(Dataset entries)
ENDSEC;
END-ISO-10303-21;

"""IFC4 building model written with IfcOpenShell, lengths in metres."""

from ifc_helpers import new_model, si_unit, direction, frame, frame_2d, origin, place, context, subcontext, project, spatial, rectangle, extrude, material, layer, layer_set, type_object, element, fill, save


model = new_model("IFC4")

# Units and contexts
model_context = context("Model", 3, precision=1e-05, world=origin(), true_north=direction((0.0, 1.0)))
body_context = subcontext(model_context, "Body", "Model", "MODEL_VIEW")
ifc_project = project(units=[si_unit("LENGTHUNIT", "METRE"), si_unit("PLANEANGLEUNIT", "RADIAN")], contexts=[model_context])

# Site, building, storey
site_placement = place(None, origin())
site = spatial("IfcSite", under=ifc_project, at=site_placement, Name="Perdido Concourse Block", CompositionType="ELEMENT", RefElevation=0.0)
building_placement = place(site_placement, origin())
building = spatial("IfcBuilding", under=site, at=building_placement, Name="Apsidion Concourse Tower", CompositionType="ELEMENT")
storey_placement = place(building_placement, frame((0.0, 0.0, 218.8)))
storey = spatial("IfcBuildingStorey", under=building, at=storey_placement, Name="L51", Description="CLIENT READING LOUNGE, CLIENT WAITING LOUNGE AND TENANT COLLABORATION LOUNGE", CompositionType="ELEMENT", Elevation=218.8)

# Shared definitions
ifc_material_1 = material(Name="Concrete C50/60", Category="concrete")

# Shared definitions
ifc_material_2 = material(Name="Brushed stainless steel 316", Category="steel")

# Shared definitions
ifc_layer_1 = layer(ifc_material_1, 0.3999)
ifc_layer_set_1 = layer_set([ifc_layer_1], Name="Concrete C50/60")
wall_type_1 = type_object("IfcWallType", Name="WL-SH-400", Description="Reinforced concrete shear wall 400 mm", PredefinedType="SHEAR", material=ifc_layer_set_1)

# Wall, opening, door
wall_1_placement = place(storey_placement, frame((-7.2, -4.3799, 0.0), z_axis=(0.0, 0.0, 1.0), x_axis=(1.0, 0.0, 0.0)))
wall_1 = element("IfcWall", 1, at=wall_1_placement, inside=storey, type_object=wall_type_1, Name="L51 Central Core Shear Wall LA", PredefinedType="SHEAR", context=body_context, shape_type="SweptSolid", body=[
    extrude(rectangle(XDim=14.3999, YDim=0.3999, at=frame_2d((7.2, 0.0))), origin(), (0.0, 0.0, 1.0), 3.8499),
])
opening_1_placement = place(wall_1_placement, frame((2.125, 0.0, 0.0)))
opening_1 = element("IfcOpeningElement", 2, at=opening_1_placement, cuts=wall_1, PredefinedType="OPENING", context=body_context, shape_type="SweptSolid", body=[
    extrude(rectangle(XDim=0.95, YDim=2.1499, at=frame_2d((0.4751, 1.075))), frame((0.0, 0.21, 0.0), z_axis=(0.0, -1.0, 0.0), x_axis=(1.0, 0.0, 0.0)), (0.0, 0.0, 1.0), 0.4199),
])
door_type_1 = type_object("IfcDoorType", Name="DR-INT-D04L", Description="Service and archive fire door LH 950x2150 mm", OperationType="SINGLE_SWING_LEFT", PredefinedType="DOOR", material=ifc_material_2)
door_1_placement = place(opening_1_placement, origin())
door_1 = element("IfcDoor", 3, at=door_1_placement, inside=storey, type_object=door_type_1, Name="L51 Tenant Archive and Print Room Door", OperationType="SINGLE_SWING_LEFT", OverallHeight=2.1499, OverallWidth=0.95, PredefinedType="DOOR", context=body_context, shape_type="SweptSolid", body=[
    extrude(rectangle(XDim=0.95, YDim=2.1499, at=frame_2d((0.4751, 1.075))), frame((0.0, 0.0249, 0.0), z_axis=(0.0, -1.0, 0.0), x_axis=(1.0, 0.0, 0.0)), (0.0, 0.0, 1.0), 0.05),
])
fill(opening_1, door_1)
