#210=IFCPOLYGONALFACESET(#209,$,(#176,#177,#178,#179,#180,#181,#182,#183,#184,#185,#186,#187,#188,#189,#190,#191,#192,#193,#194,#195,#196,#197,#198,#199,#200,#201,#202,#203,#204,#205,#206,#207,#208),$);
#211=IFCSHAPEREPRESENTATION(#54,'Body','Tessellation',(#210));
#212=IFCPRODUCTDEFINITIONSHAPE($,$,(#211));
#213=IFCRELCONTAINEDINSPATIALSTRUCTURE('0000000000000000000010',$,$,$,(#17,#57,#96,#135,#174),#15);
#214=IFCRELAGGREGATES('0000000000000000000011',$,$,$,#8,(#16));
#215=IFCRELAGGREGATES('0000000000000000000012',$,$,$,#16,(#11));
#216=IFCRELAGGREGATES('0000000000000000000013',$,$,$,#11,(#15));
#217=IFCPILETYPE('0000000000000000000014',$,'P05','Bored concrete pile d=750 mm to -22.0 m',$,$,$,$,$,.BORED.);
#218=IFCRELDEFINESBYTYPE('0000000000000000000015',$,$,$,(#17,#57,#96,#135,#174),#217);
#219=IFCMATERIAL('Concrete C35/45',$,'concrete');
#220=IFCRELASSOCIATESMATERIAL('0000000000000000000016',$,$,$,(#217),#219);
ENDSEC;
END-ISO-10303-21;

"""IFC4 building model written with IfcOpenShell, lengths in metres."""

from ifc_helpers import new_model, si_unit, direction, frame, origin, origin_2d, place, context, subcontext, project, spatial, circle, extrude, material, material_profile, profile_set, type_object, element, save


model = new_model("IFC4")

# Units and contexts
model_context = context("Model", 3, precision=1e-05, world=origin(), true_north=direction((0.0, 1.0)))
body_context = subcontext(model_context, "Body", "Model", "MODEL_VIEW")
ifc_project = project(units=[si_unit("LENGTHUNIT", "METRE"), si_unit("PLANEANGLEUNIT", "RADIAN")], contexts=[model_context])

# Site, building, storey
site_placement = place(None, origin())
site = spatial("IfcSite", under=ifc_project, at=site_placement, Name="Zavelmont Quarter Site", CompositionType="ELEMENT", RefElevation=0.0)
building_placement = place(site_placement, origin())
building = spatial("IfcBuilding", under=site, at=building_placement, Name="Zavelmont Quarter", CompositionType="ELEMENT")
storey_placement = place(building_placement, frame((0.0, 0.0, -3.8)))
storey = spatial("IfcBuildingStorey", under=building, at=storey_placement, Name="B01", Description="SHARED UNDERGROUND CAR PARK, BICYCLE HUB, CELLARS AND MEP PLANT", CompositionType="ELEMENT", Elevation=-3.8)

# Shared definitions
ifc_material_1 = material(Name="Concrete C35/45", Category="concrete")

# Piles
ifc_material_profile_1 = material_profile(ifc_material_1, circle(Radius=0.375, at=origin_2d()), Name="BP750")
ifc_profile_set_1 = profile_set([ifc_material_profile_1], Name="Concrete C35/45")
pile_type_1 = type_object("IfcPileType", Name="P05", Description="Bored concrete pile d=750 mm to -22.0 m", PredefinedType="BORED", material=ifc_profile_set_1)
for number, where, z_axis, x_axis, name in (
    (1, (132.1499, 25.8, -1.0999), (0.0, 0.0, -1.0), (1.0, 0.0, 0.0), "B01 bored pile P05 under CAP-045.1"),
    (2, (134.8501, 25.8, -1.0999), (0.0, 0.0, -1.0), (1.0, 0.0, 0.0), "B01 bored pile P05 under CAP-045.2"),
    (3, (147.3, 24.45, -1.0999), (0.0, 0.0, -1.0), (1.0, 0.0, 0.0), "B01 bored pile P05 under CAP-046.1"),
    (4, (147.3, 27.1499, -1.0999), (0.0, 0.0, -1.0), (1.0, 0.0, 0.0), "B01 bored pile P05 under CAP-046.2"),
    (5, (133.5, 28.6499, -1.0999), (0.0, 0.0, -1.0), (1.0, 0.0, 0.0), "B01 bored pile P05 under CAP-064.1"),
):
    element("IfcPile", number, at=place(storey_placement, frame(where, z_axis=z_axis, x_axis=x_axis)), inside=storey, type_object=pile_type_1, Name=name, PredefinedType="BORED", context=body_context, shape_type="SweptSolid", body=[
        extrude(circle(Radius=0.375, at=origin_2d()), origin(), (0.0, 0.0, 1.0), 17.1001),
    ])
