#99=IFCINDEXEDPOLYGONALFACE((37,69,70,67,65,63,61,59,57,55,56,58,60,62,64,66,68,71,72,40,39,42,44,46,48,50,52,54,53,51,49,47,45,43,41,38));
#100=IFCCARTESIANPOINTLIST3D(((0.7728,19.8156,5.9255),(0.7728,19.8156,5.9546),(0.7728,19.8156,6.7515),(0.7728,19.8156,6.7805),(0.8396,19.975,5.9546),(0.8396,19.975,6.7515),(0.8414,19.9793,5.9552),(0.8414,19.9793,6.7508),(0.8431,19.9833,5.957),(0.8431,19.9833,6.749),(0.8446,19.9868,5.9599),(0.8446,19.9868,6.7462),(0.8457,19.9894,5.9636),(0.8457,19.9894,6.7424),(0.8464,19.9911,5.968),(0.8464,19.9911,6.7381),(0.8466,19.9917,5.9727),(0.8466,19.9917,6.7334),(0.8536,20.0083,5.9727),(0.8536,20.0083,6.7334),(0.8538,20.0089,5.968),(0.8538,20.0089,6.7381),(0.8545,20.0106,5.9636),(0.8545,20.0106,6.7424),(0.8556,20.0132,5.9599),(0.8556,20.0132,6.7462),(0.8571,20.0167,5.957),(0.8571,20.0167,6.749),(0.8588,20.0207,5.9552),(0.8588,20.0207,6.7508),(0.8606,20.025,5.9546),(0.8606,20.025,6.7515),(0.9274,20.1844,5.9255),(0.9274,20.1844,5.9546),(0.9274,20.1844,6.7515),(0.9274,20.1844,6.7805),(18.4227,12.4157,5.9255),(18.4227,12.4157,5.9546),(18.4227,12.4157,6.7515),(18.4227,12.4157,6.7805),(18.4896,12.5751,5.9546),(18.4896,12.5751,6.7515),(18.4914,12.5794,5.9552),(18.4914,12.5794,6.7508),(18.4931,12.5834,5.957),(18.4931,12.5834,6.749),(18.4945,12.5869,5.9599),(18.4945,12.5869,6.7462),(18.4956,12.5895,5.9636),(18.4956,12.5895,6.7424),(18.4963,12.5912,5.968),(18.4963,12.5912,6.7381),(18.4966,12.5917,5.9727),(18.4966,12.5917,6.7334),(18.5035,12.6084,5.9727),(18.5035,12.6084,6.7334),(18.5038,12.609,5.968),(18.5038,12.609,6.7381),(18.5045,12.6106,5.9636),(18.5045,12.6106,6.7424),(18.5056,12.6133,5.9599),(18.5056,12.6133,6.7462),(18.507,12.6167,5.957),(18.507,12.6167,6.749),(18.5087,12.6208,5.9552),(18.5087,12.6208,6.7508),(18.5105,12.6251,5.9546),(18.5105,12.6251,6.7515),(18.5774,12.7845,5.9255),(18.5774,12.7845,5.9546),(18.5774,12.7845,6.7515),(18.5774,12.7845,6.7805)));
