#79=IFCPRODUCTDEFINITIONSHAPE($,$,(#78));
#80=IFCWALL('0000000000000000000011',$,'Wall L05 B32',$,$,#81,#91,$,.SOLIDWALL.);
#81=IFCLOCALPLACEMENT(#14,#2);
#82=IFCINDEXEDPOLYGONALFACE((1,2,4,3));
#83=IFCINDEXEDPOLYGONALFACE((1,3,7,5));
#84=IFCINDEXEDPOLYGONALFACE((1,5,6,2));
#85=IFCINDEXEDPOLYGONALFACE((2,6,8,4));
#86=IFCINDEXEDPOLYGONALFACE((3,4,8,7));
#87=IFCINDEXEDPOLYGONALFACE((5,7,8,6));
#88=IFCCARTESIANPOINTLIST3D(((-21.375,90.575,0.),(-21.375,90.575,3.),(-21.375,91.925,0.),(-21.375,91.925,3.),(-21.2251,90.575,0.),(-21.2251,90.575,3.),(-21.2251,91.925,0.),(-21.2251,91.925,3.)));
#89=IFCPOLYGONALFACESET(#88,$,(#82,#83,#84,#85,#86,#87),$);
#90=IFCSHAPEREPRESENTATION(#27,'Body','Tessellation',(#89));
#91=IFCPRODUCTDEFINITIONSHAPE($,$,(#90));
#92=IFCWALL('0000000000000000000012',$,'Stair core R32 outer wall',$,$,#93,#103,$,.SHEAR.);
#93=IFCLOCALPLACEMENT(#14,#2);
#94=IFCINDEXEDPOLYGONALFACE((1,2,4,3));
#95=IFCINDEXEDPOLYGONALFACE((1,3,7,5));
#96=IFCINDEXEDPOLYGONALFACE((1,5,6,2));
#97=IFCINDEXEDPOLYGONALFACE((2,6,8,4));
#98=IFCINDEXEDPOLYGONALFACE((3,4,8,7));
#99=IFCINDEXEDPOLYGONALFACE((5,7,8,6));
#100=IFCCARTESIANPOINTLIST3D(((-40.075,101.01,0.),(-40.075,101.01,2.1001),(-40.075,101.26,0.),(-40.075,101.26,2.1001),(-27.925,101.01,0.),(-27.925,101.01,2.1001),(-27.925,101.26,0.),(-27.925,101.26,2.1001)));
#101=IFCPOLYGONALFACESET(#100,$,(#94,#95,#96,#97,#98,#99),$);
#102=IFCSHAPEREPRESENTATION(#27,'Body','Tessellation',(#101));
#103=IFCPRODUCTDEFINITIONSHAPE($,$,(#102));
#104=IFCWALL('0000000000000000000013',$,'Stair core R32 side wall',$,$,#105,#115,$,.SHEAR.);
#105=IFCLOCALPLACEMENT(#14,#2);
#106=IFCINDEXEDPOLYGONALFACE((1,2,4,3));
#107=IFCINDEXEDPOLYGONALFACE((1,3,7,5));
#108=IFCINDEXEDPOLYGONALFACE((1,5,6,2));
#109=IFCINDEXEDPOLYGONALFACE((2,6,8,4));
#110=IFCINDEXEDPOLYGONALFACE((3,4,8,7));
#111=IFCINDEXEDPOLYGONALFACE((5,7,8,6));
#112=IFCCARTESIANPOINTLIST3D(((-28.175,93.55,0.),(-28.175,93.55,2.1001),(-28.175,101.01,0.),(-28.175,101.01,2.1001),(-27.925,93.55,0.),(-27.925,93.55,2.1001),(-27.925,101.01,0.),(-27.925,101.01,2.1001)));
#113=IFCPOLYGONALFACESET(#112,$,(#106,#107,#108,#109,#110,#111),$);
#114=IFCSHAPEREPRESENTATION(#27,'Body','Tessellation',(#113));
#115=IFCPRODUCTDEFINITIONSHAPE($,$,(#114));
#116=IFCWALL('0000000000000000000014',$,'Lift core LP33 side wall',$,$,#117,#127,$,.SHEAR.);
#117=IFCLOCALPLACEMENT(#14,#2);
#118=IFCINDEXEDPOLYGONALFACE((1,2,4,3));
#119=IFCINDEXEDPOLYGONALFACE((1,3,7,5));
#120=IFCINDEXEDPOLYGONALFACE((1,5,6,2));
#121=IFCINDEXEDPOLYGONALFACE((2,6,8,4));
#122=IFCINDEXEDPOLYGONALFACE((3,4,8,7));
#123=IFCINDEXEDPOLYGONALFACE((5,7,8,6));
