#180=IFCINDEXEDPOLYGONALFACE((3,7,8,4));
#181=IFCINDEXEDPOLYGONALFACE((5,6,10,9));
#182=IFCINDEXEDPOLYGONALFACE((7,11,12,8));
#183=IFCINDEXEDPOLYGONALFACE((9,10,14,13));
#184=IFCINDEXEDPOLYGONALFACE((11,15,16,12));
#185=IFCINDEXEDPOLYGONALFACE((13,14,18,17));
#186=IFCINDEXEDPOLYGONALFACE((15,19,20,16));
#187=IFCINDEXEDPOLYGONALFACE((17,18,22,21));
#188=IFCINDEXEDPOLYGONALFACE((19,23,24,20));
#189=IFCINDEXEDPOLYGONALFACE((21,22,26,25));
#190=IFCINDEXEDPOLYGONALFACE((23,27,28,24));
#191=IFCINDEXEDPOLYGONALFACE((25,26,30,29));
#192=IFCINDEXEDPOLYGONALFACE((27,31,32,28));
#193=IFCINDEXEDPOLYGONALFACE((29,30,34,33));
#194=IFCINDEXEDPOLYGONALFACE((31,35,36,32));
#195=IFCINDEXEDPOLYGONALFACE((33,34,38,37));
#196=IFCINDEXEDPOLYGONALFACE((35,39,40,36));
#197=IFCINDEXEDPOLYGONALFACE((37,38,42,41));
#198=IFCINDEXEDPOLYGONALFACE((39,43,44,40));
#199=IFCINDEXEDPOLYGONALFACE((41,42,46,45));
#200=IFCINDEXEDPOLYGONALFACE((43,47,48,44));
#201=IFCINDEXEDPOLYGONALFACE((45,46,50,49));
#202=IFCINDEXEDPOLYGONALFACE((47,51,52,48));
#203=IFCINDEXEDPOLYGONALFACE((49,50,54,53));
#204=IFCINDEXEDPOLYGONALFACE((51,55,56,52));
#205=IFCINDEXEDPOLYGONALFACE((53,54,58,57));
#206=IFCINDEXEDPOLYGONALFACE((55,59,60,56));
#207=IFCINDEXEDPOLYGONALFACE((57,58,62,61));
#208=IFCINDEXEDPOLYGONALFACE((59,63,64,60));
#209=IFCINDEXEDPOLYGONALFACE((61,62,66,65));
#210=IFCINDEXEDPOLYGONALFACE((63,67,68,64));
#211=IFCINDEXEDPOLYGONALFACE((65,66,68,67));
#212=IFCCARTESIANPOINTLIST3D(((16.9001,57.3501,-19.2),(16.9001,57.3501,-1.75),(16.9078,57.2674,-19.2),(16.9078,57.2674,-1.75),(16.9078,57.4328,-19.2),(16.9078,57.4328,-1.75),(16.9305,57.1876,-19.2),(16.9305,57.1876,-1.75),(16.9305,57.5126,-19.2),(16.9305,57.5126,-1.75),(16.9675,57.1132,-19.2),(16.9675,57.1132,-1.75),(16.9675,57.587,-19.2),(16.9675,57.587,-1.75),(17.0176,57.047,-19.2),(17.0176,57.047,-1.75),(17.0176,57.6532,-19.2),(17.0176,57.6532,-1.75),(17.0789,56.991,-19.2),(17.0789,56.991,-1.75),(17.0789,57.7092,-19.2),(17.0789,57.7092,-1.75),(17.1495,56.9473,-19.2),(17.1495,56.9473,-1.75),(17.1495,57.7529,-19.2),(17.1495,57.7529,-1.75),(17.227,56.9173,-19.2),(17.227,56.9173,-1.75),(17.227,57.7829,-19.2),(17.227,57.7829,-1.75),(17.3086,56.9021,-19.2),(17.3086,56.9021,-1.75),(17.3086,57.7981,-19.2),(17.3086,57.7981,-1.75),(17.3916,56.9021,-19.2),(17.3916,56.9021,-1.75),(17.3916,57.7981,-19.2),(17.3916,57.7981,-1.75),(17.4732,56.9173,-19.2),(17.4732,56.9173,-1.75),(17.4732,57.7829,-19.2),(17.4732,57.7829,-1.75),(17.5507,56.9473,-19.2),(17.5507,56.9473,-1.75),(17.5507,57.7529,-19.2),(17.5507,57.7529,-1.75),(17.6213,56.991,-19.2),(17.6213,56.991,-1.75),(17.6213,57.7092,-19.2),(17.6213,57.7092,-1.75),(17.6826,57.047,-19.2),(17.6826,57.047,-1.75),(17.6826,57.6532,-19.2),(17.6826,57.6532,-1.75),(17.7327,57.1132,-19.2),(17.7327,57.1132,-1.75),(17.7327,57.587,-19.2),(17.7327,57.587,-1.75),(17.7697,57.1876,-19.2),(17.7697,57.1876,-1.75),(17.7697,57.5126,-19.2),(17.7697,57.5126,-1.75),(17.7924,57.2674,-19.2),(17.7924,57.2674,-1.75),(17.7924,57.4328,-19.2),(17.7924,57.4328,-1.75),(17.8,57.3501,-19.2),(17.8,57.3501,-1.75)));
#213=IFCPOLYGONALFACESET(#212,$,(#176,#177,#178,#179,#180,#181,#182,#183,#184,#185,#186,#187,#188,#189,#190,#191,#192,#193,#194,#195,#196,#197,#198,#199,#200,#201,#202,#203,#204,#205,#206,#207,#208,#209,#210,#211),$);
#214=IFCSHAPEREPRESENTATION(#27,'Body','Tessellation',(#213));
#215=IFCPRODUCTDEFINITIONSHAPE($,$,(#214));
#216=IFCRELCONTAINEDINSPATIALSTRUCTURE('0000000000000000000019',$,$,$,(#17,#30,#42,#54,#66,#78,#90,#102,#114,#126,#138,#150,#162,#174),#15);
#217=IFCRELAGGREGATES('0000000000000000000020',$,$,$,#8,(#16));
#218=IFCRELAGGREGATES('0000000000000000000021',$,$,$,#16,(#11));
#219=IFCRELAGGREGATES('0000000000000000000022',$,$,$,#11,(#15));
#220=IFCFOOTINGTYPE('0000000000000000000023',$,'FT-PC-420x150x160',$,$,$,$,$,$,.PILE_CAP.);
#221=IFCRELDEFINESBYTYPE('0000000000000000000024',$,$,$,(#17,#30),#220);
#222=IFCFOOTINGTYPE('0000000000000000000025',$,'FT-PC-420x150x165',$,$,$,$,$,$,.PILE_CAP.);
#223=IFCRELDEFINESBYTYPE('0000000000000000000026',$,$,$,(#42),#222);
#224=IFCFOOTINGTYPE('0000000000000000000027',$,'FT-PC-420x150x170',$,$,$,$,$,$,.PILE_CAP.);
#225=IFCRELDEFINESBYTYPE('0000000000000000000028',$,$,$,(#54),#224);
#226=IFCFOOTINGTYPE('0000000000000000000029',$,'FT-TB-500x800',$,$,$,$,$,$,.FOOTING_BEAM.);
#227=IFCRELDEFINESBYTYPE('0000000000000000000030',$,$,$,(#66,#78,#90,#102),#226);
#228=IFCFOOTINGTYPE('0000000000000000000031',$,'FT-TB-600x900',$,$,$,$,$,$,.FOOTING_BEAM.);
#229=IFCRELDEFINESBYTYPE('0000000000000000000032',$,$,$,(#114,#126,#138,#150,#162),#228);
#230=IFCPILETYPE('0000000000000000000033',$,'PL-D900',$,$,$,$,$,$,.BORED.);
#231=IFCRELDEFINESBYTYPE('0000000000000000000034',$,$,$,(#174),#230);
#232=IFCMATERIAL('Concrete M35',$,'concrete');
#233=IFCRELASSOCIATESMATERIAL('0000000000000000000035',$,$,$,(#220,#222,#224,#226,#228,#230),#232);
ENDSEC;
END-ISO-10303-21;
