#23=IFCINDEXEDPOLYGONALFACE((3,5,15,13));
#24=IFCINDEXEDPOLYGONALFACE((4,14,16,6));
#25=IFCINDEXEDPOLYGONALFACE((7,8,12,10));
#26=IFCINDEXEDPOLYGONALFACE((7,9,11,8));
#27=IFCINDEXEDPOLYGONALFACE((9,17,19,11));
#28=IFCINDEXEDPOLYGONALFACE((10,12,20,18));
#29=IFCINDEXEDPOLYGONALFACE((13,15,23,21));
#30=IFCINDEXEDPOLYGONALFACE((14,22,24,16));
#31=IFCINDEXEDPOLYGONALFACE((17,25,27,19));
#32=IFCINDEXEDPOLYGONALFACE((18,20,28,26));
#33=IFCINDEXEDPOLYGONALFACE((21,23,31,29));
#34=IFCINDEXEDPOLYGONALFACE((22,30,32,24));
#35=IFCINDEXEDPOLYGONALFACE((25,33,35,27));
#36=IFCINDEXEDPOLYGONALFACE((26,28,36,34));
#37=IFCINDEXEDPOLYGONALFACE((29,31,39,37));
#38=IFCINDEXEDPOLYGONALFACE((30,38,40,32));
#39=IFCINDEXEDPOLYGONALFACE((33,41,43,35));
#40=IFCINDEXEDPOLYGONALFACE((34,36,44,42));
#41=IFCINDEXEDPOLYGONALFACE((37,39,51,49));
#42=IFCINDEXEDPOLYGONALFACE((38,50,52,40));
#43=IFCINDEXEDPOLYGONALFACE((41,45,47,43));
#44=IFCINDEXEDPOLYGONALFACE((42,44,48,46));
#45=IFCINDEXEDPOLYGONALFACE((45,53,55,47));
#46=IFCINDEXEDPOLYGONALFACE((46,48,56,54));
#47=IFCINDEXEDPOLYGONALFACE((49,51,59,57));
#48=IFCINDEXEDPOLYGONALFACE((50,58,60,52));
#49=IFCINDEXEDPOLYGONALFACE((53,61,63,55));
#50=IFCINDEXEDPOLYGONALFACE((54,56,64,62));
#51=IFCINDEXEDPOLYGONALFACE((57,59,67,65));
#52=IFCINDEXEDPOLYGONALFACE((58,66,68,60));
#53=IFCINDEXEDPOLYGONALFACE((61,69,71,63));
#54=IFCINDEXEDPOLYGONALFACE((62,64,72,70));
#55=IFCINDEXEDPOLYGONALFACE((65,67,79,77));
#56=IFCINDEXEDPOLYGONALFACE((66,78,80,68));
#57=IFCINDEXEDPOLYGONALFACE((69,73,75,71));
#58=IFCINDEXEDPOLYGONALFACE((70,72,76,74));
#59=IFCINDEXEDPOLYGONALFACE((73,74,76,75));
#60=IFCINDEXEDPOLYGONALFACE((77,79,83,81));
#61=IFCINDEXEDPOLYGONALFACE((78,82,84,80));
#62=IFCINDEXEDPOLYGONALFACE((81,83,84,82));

(Exercise instructions): Provide an exact transcript of the lines from the one that holds "#58=IFCINDEXEDPOLYGONALFACE((70,72,76,74));" through the final line of the data above.

(Answer box):
#58=IFCINDEXEDPOLYGONALFACE((70,72,76,74));
#59=IFCINDEXEDPOLYGONALFACE((73,74,76,75));
#60=IFCINDEXEDPOLYGONALFACE((77,79,83,81));
#61=IFCINDEXEDPOLYGONALFACE((78,82,84,80));
#62=IFCINDEXEDPOLYGONALFACE((81,83,84,82));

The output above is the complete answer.